───── MATERIAL FOR THE TASK

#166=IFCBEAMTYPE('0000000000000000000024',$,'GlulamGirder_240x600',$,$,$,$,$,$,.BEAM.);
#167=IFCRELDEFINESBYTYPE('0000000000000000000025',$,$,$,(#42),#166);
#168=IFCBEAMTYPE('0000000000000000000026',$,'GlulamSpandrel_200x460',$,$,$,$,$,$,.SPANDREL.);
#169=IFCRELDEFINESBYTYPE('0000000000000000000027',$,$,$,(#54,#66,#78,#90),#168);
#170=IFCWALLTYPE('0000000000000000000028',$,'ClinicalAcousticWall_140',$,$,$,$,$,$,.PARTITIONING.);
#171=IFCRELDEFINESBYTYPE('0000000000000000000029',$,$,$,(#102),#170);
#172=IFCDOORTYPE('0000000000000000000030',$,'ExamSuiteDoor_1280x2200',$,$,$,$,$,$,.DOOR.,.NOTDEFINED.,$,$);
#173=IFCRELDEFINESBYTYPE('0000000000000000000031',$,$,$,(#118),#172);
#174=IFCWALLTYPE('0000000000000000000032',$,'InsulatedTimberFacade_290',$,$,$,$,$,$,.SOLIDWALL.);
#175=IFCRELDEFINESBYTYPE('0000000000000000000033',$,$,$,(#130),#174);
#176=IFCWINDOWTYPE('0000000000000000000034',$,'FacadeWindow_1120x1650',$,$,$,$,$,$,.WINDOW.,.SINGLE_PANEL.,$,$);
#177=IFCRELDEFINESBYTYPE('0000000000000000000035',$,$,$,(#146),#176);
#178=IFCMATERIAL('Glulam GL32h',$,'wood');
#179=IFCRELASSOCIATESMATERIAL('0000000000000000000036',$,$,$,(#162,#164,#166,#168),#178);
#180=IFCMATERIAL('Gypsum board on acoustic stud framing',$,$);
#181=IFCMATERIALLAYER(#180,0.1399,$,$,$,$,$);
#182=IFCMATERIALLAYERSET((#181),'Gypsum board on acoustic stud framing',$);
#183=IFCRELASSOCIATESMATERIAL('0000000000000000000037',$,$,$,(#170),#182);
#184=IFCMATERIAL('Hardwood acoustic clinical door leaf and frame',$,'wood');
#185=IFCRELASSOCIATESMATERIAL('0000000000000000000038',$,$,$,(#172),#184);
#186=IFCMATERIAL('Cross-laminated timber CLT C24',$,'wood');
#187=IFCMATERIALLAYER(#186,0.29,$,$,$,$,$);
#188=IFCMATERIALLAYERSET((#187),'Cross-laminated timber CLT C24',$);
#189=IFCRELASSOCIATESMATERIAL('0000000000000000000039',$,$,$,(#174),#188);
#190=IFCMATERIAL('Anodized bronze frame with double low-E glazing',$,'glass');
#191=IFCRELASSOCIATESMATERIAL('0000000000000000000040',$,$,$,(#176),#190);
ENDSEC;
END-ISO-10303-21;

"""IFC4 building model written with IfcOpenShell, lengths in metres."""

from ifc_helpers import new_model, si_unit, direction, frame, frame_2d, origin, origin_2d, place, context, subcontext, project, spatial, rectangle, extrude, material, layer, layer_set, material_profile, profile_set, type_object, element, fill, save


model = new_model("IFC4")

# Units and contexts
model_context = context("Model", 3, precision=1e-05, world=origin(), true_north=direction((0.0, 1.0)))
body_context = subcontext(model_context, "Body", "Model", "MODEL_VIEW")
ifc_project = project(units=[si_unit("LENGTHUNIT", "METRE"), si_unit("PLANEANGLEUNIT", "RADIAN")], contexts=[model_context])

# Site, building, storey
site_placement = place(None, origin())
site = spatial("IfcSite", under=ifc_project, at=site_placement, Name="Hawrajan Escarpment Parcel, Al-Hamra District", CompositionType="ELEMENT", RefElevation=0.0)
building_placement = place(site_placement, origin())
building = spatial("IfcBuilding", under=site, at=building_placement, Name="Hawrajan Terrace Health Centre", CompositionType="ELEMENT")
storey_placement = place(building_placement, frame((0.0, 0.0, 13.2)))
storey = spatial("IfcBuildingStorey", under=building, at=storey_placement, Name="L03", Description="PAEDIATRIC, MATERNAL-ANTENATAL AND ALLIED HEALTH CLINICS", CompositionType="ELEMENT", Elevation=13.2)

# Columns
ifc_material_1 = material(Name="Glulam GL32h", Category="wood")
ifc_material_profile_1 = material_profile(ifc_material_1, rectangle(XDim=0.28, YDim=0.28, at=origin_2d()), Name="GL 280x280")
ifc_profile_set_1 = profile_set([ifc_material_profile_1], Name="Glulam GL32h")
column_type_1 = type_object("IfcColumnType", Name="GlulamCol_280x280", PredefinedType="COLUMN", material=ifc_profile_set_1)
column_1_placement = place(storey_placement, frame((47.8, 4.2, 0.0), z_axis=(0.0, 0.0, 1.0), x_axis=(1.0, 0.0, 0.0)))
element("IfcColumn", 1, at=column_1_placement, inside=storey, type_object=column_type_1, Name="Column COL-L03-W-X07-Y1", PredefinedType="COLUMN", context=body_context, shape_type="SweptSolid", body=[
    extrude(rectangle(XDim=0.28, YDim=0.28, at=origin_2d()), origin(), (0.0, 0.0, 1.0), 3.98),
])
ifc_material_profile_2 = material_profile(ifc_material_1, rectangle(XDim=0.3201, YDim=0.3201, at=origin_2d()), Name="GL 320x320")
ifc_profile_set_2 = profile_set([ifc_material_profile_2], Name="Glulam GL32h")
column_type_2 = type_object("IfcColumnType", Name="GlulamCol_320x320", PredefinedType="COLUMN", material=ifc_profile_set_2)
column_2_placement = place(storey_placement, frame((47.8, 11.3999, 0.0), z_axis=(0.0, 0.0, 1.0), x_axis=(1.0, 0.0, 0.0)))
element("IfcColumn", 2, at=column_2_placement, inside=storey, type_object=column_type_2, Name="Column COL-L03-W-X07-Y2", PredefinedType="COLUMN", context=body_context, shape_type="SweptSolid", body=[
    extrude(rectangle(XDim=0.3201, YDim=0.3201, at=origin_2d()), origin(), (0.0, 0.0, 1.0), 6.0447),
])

──────────

**EXERCISE INSTRUCTIONS:** The answer should be the complete set of records, printed exactly.

**ANSWER FOR THIS EXERCISE:**
#166=IFCBEAMTYPE('0000000000000000000024',$,'GlulamGirder_240x600',$,$,$,$,$,$,.BEAM.);
#167=IFCRELDEFINESBYTYPE('0000000000000000000025',$,$,$,(#42),#166);
#168=IFCBEAMTYPE('0000000000000000000026',$,'GlulamSpandrel_200x460',$,$,$,$,$,$,.SPANDREL.);
#169=IFCRELDEFINESBYTYPE('0000000000000000000027',$,$,$,(#54,#66,#78,#90),#168);
#170=IFCWALLTYPE('0000000000000000000028',$,'ClinicalAcousticWall_140',$,$,$,$,$,$,.PARTITIONING.);
#171=IFCRELDEFINESBYTYPE('0000000000000000000029',$,$,$,(#102),#170);
#172=IFCDOORTYPE('0000000000000000000030',$,'ExamSuiteDoor_1280x2200',$,$,$,$,$,$,.DOOR.,.NOTDEFINED.,$,$);
#173=IFCRELDEFINESBYTYPE('0000000000000000000031',$,$,$,(#118),#172);
#174=IFCWALLTYPE('0000000000000000000032',$,'InsulatedTimberFacade_290',$,$,$,$,$,$,.SOLIDWALL.);
#175=IFCRELDEFINESBYTYPE('0000000000000000000033',$,$,$,(#130),#174);
#176=IFCWINDOWTYPE('0000000000000000000034',$,'FacadeWindow_1120x1650',$,$,$,$,$,$,.WINDOW.,.SINGLE_PANEL.,$,$);
#177=IFCRELDEFINESBYTYPE('0000000000000000000035',$,$,$,(#146),#176);
#178=IFCMATERIAL('Glulam GL32h',$,'wood');
#179=IFCRELASSOCIATESMATERIAL('0000000000000000000036',$,$,$,(#162,#164,#166,#168),#178);
#180=IFCMATERIAL('Gypsum board on acoustic stud framing',$,$);
#181=IFCMATERIALLAYER(#180,0.1399,$,$,$,$,$);
#182=IFCMATERIALLAYERSET((#181),'Gypsum board on acoustic stud framing',$);
#183=IFCRELASSOCIATESMATERIAL('0000000000000000000037',$,$,$,(#170),#182);
#184=IFCMATERIAL('Hardwood acoustic clinical door leaf and frame',$,'wood');
#185=IFCRELASSOCIATESMATERIAL('0000000000000000000038',$,$,$,(#172),#184);
#186=IFCMATERIAL('Cross-laminated timber CLT C24',$,'wood');
#187=IFCMATERIALLAYER(#186,0.29,$,$,$,$,$);
#188=IFCMATERIALLAYERSET((#187),'Cross-laminated timber CLT C24',$);
#189=IFCRELASSOCIATESMATERIAL('0000000000000000000039',$,$,$,(#174),#188);
#190=IFCMATERIAL('Anodized bronze frame with double low-E glazing',$,'glass');
#191=IFCRELASSOCIATESMATERIAL('0000000000000000000040',$,$,$,(#176),#190);
ENDSEC;
END-ISO-10303-21;

"""IFC4 building model written with IfcOpenShell, lengths in metres."""

from ifc_helpers import new_model, si_unit, direction, frame, frame_2d, origin, origin_2d, place, context, subcontext, project, spatial, rectangle, extrude, material, layer, layer_set, material_profile, profile_set, type_object, element, fill, save


model = new_model("IFC4")

# Units and contexts
model_context = context("Model", 3, precision=1e-05, world=origin(), true_north=direction((0.0, 1.0)))
body_context = subcontext(model_context, "Body", "Model", "MODEL_VIEW")
ifc_project = project(units=[si_unit("LENGTHUNIT", "METRE"), si_unit("PLANEANGLEUNIT", "RADIAN")], contexts=[model_context])

# Site, building, storey
site_placement = place(None, origin())
site = spatial("IfcSite", under=ifc_project, at=site_placement, Name="Hawrajan Escarpment Parcel, Al-Hamra District", CompositionType="ELEMENT", RefElevation=0.0)
building_placement = place(site_placement, origin())
building = spatial("IfcBuilding", under=site, at=building_placement, Name="Hawrajan Terrace Health Centre", CompositionType="ELEMENT")
storey_placement = place(building_placement, frame((0.0, 0.0, 13.2)))
storey = spatial("IfcBuildingStorey", under=building, at=storey_placement, Name="L03", Description="PAEDIATRIC, MATERNAL-ANTENATAL AND ALLIED HEALTH CLINICS", CompositionType="ELEMENT", Elevation=13.2)

# Columns
ifc_material_1 = material(Name="Glulam GL32h", Category="wood")
ifc_material_profile_1 = material_profile(ifc_material_1, rectangle(XDim=0.28, YDim=0.28, at=origin_2d()), Name="GL 280x280")
ifc_profile_set_1 = profile_set([ifc_material_profile_1], Name="Glulam GL32h")
column_type_1 = type_object("IfcColumnType", Name="GlulamCol_280x280", PredefinedType="COLUMN", material=ifc_profile_set_1)
column_1_placement = place(storey_placement, frame((47.8, 4.2, 0.0), z_axis=(0.0, 0.0, 1.0), x_axis=(1.0, 0.0, 0.0)))
element("IfcColumn", 1, at=column_1_placement, inside=storey, type_object=column_type_1, Name="Column COL-L03-W-X07-Y1", PredefinedType="COLUMN", context=body_context, shape_type="SweptSolid", body=[
    extrude(rectangle(XDim=0.28, YDim=0.28, at=origin_2d()), origin(), (0.0, 0.0, 1.0), 3.98),
])
ifc_material_profile_2 = material_profile(ifc_material_1, rectangle(XDim=0.3201, YDim=0.3201, at=origin_2d()), Name="GL 320x320")
ifc_profile_set_2 = profile_set([ifc_material_profile_2], Name="Glulam GL32h")
column_type_2 = type_object("IfcColumnType", Name="GlulamCol_320x320", PredefinedType="COLUMN", material=ifc_profile_set_2)
column_2_placement = place(storey_placement, frame((47.8, 11.3999, 0.0), z_axis=(0.0, 0.0, 1.0), x_axis=(1.0, 0.0, 0.0)))
element("IfcColumn", 2, at=column_2_placement, inside=storey, type_object=column_type_2, Name="Column COL-L03-W-X07-Y2", PredefinedType="COLUMN", context=body_context, shape_type="SweptSolid", body=[
    extrude(rectangle(XDim=0.3201, YDim=0.3201, at=origin_2d()), origin(), (0.0, 0.0, 1.0), 6.0447),
])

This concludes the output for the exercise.